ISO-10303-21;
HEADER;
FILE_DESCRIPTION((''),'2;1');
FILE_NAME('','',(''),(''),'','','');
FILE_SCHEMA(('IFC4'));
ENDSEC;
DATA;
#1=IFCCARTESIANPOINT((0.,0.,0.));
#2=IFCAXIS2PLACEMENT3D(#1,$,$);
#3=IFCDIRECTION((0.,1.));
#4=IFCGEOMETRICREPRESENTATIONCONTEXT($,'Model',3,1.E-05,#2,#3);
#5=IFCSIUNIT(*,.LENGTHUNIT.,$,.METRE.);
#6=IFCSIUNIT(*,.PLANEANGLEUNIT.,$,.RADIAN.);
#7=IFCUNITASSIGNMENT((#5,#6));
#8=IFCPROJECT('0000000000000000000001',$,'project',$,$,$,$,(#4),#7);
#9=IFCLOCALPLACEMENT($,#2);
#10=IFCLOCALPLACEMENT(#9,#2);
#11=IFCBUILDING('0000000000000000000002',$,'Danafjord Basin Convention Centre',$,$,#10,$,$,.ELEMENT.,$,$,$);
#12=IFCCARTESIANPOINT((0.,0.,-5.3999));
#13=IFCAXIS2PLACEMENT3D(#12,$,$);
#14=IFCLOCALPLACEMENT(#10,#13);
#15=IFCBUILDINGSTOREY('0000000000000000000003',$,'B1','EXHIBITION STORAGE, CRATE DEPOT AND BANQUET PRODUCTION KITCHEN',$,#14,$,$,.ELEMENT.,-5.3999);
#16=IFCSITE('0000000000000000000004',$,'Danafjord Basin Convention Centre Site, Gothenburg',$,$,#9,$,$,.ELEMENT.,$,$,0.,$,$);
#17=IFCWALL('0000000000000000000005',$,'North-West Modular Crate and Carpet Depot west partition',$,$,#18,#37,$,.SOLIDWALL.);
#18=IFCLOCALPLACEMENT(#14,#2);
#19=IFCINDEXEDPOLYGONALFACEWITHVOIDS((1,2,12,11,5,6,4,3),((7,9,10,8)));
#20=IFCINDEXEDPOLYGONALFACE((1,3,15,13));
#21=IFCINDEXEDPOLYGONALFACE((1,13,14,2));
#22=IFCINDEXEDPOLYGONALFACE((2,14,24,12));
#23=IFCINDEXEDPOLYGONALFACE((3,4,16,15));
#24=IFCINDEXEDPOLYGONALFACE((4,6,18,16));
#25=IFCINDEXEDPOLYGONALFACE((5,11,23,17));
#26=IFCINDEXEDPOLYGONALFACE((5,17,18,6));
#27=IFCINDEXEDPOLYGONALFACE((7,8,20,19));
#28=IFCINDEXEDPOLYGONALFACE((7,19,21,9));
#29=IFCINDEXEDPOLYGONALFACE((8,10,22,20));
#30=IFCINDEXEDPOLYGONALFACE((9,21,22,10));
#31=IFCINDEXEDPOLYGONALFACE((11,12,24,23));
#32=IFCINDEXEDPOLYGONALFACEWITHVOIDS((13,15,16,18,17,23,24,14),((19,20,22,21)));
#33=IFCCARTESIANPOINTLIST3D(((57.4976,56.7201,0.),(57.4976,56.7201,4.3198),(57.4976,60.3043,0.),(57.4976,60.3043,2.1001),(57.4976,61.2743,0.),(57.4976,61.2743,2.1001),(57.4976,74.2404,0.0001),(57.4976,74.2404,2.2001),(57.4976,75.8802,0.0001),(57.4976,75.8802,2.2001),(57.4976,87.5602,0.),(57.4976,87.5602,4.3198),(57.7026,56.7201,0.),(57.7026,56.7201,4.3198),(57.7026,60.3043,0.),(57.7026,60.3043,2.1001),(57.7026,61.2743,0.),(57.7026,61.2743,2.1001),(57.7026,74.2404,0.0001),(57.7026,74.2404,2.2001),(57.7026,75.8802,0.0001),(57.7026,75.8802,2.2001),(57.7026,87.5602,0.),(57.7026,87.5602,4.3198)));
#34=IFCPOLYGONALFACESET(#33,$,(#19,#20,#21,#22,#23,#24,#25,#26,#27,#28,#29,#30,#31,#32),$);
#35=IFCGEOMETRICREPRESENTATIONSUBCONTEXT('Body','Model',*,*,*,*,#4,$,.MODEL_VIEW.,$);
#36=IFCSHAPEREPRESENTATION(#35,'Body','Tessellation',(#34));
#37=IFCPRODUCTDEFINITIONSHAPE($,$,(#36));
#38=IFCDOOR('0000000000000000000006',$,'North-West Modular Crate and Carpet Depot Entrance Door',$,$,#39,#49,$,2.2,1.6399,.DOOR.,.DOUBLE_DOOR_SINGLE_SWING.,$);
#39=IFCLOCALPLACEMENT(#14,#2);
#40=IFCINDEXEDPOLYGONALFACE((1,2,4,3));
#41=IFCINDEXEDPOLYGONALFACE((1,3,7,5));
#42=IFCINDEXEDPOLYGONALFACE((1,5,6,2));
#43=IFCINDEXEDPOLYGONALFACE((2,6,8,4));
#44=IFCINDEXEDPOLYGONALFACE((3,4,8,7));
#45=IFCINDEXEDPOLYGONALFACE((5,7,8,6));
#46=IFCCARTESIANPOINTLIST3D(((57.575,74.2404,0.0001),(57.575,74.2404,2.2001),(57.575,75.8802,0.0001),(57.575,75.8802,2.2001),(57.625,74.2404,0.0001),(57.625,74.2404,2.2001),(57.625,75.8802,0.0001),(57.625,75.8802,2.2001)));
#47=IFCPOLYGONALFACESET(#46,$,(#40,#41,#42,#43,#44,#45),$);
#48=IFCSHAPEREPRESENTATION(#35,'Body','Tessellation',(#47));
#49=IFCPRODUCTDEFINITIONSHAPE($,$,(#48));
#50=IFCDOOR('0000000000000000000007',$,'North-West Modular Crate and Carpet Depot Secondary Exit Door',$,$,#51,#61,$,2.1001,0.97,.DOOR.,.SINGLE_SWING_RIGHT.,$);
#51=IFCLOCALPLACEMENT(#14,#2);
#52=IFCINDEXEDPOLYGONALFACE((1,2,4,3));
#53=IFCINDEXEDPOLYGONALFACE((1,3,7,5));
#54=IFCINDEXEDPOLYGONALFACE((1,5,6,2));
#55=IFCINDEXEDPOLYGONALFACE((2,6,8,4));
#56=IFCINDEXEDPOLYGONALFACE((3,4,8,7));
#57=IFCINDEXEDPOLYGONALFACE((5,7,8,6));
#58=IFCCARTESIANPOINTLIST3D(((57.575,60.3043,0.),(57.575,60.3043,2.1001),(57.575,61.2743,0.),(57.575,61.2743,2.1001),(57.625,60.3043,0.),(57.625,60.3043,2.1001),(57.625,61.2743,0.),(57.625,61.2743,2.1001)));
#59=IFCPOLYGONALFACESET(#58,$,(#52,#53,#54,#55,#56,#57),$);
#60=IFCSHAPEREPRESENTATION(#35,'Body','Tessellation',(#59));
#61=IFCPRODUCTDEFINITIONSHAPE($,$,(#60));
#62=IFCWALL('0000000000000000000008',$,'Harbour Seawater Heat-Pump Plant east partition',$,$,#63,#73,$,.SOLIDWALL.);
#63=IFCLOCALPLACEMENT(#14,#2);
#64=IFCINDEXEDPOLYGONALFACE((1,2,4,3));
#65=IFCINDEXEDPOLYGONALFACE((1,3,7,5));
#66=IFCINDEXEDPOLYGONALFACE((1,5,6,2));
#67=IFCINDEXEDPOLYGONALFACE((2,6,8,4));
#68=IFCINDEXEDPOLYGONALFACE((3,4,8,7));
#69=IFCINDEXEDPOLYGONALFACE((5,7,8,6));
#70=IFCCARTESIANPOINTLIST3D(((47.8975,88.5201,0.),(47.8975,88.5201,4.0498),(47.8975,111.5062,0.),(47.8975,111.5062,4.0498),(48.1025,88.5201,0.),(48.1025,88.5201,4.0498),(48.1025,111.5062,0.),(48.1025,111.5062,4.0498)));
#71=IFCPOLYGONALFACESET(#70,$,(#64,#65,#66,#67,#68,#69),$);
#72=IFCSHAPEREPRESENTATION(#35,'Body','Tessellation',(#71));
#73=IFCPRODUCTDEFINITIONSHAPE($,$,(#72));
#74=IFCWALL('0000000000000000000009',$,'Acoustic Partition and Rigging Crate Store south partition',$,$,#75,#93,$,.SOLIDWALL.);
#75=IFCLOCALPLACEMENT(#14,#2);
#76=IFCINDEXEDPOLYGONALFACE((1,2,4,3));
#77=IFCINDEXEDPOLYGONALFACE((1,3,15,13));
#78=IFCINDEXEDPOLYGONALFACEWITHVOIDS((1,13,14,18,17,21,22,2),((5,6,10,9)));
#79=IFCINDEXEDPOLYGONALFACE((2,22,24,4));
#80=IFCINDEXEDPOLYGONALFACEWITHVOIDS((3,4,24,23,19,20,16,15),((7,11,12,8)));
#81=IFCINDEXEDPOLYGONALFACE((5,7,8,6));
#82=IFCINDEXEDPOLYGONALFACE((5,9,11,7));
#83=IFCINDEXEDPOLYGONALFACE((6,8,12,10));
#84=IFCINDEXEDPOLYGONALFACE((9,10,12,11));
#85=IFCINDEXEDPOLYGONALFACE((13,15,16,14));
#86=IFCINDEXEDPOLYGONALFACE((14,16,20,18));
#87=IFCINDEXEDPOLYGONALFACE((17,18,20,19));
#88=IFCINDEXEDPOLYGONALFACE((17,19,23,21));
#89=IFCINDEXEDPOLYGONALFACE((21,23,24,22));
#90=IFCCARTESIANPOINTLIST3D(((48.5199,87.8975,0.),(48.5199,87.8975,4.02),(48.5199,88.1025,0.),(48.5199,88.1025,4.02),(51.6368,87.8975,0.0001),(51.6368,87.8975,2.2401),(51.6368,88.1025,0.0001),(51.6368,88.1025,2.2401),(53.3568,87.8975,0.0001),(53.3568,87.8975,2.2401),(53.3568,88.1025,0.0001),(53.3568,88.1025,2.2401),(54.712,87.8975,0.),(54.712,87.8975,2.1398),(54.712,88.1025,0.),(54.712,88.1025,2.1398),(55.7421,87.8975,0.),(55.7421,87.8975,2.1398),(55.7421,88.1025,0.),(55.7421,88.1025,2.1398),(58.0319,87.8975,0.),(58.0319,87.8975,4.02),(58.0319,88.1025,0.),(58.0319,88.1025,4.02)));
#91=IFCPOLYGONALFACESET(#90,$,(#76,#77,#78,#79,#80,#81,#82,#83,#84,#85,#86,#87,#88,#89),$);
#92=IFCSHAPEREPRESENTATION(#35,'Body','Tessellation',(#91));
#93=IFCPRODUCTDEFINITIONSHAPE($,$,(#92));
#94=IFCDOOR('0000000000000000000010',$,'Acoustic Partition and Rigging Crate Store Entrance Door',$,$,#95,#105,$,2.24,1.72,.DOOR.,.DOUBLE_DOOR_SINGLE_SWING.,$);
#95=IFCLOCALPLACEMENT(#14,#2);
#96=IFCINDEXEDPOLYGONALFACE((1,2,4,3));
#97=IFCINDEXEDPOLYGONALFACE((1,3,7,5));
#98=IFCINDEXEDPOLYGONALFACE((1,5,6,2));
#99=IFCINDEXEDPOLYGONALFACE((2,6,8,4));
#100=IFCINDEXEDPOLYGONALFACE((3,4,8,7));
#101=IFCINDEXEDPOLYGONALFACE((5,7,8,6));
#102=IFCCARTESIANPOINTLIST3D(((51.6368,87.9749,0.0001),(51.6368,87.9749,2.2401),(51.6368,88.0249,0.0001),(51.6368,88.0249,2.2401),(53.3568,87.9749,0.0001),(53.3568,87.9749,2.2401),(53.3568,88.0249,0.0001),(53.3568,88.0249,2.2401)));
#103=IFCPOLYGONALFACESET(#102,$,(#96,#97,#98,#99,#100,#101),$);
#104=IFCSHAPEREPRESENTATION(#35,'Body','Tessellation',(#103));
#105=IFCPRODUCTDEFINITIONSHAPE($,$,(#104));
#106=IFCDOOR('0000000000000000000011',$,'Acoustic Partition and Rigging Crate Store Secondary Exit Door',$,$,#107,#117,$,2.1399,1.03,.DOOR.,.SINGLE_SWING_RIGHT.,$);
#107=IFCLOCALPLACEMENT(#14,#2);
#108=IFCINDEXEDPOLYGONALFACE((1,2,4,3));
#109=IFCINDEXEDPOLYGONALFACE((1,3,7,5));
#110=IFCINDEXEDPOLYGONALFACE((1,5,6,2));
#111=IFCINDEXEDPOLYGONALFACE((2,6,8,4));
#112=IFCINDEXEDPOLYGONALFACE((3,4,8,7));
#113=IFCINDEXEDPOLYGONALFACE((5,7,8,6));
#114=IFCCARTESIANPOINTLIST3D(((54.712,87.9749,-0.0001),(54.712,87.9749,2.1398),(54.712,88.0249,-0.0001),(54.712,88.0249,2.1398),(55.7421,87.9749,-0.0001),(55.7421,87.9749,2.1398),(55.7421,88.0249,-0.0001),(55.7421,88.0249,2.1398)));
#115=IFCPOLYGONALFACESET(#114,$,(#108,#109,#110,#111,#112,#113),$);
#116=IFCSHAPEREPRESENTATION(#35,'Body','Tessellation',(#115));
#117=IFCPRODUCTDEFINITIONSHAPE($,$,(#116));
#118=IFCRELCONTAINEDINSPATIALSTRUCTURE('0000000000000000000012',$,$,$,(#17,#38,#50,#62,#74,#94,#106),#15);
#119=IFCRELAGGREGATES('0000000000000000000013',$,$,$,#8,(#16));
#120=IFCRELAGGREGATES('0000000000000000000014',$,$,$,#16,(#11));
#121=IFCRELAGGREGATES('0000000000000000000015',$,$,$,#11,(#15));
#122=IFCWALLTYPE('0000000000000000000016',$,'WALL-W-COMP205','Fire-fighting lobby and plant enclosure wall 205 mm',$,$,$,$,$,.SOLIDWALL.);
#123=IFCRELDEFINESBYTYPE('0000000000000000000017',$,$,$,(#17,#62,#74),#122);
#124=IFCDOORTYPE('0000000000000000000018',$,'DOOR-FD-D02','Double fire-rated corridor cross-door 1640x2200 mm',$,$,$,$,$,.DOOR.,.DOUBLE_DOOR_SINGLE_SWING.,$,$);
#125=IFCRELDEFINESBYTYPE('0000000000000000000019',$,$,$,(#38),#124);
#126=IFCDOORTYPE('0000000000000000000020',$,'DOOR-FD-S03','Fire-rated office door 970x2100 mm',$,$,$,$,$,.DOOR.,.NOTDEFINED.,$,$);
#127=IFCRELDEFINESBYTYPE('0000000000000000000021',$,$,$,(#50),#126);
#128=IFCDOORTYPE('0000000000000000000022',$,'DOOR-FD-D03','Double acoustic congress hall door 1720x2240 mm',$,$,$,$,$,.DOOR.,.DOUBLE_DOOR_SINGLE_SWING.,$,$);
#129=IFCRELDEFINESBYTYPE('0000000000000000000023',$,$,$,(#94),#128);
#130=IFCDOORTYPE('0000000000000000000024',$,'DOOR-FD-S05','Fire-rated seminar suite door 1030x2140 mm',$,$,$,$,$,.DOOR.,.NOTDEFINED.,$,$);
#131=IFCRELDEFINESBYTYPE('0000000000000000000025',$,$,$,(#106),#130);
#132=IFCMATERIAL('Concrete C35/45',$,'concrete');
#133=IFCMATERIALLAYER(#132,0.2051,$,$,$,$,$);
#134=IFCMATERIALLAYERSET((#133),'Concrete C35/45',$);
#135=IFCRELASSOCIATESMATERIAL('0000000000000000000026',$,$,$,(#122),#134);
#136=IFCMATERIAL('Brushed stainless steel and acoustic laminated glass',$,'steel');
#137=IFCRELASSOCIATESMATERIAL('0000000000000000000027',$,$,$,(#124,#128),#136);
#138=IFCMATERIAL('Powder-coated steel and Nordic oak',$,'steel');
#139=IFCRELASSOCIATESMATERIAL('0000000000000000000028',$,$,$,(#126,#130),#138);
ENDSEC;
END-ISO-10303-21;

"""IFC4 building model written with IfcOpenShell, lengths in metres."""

from ifc_helpers import new_model, si_unit, direction, frame, frame_2d, origin, place, context, subcontext, project, spatial, rectangle, extrude, material, layer, layer_set, type_object, element, fill, save


model = new_model("IFC4")

# Units and contexts
model_context = context("Model", 3, precision=1e-05, world=origin(), true_north=direction((0.0, 1.0)))
body_context = subcontext(model_context, "Body", "Model", "MODEL_VIEW")
ifc_project = project(units=[si_unit("LENGTHUNIT", "METRE"), si_unit("PLANEANGLEUNIT", "RADIAN")], contexts=[model_context])

# Site, building, storey
site_placement = place(None, origin())
site = spatial("IfcSite", under=ifc_project, at=site_placement, Name="Danafjord Basin Convention Centre Site, Gothenburg", CompositionType="ELEMENT", RefElevation=0.0)
building_placement = place(site_placement, origin())
building = spatial("IfcBuilding", under=site, at=building_placement, Name="Danafjord Basin Convention Centre", CompositionType="ELEMENT")
storey_placement = place(building_placement, frame((0.0, 0.0, -5.3999)))
storey = spatial("IfcBuildingStorey", under=building, at=storey_placement, Name="B1", Description="EXHIBITION STORAGE, CRATE DEPOT AND BANQUET PRODUCTION KITCHEN", CompositionType="ELEMENT", Elevation=-5.3999)

# Shared definitions
ifc_material_1 = material(Name="Concrete C35/45", Category="concrete")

TRY IT: Please write out the material word for word from its first line through the line holding "#14=IFCLOCALPLACEMENT(#10,#13);", including both, and no line past it.

ANSWER TO THE PROBLEM:
ISO-10303-21;
HEADER;
FILE_DESCRIPTION((''),'2;1');
FILE_NAME('','',(''),(''),'','','');
FILE_SCHEMA(('IFC4'));
ENDSEC;
DATA;
#1=IFCCARTESIANPOINT((0.,0.,0.));
#2=IFCAXIS2PLACEMENT3D(#1,$,$);
#3=IFCDIRECTION((0.,1.));
#4=IFCGEOMETRICREPRESENTATIONCONTEXT($,'Model',3,1.E-05,#2,#3);
#5=IFCSIUNIT(*,.LENGTHUNIT.,$,.METRE.);
#6=IFCSIUNIT(*,.PLANEANGLEUNIT.,$,.RADIAN.);
#7=IFCUNITASSIGNMENT((#5,#6));
#8=IFCPROJECT('0000000000000000000001',$,'project',$,$,$,$,(#4),#7);
#9=IFCLOCALPLACEMENT($,#2);
#10=IFCLOCALPLACEMENT(#9,#2);
#11=IFCBUILDING('0000000000000000000002',$,'Danafjord Basin Convention Centre',$,$,#10,$,$,.ELEMENT.,$,$,$);
#12=IFCCARTESIANPOINT((0.,0.,-5.3999));
#13=IFCAXIS2PLACEMENT3D(#12,$,$);
#14=IFCLOCALPLACEMENT(#10,#13);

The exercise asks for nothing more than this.